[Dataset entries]

[Start of section]

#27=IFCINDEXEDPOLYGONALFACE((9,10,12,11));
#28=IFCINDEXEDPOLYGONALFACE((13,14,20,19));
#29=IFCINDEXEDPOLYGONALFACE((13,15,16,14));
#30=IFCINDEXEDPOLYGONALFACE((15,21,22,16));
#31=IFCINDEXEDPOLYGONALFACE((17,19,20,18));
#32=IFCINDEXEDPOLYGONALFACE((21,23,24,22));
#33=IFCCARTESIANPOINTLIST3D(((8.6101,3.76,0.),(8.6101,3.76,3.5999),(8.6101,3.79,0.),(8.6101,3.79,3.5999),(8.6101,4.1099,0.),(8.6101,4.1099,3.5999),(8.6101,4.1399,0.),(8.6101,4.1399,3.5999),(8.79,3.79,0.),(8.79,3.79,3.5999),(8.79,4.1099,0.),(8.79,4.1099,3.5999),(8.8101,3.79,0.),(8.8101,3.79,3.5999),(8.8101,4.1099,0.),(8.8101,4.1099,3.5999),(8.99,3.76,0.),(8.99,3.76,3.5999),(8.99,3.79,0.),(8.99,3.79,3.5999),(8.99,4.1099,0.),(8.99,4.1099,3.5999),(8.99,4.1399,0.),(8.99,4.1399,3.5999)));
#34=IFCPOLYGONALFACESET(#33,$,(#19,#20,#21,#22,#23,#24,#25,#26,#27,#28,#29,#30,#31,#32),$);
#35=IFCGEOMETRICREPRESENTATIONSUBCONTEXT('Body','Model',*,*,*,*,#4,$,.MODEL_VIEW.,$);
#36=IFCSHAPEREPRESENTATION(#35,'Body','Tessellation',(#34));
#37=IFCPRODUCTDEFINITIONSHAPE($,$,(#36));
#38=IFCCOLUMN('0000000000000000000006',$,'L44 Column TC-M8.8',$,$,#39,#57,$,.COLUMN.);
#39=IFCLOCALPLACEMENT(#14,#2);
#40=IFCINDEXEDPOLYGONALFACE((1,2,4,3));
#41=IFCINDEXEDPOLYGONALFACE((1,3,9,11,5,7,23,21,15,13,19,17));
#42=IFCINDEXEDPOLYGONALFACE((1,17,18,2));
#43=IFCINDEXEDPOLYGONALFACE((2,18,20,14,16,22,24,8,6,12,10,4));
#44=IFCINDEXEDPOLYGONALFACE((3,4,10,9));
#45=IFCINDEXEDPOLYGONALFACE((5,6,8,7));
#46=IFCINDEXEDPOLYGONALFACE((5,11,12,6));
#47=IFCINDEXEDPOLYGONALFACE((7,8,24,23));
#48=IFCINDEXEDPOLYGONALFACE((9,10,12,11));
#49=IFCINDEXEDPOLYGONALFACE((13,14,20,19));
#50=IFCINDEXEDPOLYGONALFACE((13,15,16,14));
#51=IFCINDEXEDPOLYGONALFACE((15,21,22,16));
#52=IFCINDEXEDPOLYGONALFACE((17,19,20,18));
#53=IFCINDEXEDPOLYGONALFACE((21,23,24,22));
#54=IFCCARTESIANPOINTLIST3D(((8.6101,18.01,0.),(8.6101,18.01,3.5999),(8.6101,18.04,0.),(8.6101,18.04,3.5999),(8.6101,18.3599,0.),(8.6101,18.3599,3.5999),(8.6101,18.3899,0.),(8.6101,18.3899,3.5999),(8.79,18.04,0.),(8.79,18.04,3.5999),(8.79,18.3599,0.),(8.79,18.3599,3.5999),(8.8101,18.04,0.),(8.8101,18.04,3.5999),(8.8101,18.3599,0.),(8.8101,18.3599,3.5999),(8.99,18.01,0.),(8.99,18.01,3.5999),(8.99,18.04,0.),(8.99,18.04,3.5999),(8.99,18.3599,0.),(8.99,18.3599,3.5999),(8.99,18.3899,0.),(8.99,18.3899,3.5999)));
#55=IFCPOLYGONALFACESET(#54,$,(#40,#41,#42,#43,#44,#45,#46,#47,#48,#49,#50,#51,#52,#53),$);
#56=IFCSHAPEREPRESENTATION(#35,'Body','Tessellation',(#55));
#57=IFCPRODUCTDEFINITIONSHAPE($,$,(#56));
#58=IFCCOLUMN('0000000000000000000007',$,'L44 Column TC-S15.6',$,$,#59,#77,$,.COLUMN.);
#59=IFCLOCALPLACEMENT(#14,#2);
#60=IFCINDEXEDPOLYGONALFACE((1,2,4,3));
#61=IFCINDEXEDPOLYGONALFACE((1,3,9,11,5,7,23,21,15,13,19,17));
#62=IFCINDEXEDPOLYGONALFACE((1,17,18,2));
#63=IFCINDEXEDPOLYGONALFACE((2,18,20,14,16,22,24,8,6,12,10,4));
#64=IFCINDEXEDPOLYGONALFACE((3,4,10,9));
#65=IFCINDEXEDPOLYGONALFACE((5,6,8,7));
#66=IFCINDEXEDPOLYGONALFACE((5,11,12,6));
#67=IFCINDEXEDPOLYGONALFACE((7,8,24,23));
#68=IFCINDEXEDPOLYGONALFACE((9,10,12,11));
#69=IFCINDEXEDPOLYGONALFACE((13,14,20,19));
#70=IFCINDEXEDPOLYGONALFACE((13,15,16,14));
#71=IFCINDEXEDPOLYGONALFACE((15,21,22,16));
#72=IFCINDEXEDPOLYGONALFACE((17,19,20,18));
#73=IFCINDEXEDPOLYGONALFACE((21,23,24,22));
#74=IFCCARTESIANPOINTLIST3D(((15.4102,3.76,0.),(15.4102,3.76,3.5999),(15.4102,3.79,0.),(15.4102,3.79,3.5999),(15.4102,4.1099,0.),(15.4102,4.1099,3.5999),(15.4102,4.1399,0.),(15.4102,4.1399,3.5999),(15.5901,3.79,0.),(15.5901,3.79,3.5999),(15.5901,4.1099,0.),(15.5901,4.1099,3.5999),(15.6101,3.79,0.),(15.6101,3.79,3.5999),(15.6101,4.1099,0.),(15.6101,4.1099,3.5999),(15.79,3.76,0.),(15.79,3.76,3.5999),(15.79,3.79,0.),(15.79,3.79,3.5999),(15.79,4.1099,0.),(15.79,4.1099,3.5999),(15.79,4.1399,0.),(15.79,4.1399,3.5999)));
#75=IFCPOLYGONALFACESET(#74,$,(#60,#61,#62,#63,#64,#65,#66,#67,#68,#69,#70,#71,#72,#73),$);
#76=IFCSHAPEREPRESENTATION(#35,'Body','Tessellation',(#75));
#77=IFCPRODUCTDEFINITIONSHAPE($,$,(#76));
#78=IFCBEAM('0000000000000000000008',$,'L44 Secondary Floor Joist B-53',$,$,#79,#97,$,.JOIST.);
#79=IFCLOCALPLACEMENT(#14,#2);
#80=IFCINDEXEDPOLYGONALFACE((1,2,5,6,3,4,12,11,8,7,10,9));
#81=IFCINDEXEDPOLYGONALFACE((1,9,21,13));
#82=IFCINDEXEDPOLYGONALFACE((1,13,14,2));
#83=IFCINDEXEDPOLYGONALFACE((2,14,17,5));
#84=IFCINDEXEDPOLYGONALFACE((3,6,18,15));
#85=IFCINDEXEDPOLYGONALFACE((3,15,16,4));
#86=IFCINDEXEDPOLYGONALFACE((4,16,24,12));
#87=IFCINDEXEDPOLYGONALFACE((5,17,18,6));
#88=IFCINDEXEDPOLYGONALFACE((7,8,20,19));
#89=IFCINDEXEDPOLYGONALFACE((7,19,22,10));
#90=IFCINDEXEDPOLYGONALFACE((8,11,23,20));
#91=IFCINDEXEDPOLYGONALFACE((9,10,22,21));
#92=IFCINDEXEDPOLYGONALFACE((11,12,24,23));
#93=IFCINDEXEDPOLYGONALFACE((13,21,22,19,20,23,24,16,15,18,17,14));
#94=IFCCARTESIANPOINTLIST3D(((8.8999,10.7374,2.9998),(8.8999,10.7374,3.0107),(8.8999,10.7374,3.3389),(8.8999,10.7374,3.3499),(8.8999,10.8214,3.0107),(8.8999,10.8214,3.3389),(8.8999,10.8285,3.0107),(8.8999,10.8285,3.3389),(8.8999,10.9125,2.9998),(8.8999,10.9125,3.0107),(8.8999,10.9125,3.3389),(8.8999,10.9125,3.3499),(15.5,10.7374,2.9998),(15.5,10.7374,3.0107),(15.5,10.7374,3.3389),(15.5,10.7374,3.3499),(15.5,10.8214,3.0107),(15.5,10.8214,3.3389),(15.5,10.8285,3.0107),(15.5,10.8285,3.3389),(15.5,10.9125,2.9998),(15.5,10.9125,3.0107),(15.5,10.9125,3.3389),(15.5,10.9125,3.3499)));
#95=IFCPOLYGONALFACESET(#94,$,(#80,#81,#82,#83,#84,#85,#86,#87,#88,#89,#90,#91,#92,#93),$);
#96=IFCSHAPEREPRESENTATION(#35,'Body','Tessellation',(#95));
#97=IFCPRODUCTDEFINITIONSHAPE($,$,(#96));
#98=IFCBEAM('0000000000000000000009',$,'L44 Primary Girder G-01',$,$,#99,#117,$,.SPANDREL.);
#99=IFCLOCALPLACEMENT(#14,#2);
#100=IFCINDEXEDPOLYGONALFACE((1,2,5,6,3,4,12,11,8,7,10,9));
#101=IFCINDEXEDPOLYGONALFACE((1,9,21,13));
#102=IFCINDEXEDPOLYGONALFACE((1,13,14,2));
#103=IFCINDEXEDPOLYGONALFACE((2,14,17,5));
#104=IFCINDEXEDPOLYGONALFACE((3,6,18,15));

[End of section]

WORK ITEM: From the data above, copy each line that has the string "IFCSHAPEREPRESENTATION".

ANSWER FOR THIS EXERCISE:
#36=IFCSHAPEREPRESENTATION(#35,'Body','Tessellation',(#34));
#56=IFCSHAPEREPRESENTATION(#35,'Body','Tessellation',(#55));
#76=IFCSHAPEREPRESENTATION(#35,'Body','Tessellation',(#75));
#96=IFCSHAPEREPRESENTATION(#35,'Body','Tessellation',(#95));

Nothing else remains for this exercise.